**DATA SUPPLIED:**
◆ ◆ ◆ ◆ ◆ ◆ ◆

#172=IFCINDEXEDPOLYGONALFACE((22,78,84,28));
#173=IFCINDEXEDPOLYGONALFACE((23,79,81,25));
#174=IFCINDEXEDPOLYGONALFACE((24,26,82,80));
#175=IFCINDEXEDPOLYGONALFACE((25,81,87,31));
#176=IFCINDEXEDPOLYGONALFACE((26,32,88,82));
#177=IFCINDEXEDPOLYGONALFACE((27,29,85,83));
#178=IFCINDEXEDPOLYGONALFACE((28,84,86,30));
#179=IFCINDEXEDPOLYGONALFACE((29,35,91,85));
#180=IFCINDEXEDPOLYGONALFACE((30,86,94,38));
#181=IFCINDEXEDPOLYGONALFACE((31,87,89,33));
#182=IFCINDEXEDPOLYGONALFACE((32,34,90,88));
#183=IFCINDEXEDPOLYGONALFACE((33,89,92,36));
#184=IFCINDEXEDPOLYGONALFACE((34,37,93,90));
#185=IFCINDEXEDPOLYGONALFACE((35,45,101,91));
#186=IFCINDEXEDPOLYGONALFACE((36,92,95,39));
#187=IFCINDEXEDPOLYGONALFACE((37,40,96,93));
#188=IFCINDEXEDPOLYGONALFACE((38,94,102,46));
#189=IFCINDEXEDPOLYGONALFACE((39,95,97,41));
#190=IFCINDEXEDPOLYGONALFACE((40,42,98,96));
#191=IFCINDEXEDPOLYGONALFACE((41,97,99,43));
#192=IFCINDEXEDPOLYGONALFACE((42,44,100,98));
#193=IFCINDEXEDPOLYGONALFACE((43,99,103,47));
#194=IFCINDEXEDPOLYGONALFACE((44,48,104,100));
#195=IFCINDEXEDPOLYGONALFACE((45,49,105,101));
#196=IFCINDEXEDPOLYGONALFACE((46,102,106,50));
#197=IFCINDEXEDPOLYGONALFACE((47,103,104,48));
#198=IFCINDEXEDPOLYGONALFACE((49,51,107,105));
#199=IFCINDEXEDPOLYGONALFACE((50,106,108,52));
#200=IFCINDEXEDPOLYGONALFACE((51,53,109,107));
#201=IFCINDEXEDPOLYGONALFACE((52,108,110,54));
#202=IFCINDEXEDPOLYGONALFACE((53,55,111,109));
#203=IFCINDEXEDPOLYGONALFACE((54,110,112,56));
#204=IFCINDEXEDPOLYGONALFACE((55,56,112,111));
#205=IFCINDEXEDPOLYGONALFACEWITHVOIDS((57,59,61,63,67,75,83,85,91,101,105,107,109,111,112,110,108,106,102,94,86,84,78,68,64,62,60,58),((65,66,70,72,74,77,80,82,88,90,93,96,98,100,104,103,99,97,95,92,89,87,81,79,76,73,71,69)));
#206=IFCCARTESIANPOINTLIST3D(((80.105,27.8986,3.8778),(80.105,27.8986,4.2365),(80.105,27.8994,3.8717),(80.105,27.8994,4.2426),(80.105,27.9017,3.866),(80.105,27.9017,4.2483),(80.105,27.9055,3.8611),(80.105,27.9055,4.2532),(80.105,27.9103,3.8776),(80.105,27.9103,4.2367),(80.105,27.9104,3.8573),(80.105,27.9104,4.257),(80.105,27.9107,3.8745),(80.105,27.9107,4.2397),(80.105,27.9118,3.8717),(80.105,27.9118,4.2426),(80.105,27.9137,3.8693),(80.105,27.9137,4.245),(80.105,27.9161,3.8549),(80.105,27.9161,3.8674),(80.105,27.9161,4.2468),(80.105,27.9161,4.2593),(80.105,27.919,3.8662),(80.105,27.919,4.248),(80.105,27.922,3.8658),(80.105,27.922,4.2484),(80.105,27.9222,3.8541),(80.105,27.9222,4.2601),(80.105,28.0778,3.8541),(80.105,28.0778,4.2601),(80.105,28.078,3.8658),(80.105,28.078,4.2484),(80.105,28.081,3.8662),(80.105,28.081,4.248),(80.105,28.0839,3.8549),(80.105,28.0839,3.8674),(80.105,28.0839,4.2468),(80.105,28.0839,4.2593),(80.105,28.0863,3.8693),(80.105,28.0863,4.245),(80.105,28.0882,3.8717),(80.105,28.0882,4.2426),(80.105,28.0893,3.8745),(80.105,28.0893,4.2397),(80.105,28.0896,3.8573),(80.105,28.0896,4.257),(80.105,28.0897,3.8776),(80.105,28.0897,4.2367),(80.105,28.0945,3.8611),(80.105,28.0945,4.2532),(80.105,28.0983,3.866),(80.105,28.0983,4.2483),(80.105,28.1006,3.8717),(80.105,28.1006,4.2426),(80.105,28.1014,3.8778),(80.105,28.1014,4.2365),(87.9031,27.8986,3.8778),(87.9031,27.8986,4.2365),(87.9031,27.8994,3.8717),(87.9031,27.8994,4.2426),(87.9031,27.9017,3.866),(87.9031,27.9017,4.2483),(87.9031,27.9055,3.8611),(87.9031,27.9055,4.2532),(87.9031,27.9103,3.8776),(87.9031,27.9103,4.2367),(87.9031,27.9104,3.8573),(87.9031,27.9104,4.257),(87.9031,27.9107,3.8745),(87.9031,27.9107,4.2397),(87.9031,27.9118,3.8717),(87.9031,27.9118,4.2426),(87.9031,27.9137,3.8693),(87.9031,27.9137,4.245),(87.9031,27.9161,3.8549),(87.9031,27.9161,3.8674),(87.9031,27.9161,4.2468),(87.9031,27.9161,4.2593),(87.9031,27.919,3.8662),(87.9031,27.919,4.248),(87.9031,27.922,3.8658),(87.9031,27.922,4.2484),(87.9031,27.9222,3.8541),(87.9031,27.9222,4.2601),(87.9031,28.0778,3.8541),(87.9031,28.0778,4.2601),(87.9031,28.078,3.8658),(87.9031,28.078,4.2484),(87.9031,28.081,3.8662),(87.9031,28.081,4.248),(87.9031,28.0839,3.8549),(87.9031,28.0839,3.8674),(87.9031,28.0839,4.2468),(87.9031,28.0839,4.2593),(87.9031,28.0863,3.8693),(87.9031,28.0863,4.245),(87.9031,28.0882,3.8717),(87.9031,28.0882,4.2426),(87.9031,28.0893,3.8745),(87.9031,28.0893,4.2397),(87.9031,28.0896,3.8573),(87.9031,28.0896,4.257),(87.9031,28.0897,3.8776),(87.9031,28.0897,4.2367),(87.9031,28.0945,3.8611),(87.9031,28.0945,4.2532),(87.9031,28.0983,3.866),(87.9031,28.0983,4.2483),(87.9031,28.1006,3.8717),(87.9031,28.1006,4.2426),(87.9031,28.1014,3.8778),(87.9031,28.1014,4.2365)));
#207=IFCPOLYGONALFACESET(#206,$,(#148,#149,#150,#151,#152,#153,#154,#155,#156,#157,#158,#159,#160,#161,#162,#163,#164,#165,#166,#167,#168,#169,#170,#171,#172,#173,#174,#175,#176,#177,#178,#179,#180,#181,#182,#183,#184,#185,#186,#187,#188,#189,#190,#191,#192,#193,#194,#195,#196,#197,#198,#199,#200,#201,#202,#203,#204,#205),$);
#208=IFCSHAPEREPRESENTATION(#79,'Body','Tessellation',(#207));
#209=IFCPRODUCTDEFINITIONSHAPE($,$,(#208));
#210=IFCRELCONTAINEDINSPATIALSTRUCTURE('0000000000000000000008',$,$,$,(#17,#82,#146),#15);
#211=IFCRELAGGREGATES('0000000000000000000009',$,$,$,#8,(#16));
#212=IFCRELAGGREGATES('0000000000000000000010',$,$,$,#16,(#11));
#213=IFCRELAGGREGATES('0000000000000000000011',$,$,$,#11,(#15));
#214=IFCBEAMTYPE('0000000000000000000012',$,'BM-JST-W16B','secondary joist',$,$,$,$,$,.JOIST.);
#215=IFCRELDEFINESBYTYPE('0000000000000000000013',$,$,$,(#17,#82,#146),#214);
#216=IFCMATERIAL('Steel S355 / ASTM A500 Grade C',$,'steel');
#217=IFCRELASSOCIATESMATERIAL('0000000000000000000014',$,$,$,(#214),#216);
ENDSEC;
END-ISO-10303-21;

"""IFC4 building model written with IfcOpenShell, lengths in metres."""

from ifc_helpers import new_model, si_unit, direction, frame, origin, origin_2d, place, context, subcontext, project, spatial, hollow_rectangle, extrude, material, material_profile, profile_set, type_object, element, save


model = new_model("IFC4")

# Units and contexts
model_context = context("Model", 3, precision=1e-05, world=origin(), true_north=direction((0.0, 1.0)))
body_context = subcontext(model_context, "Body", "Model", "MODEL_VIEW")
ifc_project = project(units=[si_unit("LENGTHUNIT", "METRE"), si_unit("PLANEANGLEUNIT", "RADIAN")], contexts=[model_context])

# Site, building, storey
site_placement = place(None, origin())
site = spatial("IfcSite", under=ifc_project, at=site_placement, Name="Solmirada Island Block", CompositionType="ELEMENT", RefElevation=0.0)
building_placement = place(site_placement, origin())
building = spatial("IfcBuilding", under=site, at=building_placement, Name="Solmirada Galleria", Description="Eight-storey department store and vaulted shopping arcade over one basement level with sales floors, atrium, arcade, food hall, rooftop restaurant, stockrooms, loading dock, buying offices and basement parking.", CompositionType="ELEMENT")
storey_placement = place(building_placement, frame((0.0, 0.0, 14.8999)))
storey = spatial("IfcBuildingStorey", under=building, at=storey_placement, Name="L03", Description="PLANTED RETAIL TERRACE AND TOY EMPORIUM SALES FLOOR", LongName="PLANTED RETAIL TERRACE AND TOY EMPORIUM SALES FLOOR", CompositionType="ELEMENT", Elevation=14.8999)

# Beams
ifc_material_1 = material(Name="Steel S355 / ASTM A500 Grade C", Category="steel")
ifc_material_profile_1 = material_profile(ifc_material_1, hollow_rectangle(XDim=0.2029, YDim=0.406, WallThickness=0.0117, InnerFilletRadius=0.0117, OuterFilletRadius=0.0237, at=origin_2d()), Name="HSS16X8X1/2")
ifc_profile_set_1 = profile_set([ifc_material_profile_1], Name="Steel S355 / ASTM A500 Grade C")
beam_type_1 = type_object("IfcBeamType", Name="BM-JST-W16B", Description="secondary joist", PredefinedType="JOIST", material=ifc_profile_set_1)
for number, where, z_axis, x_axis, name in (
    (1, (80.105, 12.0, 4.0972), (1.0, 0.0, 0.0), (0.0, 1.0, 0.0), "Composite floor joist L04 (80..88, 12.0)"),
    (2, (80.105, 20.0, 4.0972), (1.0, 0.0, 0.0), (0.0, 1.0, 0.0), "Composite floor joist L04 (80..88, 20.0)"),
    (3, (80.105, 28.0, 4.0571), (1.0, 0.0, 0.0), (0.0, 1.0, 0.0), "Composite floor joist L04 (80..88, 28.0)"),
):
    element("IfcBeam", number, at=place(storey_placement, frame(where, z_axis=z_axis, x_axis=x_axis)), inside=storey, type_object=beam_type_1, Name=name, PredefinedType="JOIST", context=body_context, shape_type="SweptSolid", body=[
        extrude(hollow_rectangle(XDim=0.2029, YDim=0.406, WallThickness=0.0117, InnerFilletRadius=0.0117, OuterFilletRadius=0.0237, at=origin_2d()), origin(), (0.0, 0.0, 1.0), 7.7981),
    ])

◆ ◆ ◆ ◆ ◆ ◆ ◆

**DIRECTIONS FOR THIS TASK:** Look above for the line with "# Units and contexts" and the line with "site_placement = place(None, origin())". Write out those two lines and all the lines between them, exactly, and no others.

**EXERCISE SOLUTION:**
# Units and contexts
model_context = context("Model", 3, precision=1e-05, world=origin(), true_north=direction((0.0, 1.0)))
body_context = subcontext(model_context, "Body", "Model", "MODEL_VIEW")
ifc_project = project(units=[si_unit("LENGTHUNIT", "METRE"), si_unit("PLANEANGLEUNIT", "RADIAN")], contexts=[model_context])

# Site, building, storey
site_placement = place(None, origin())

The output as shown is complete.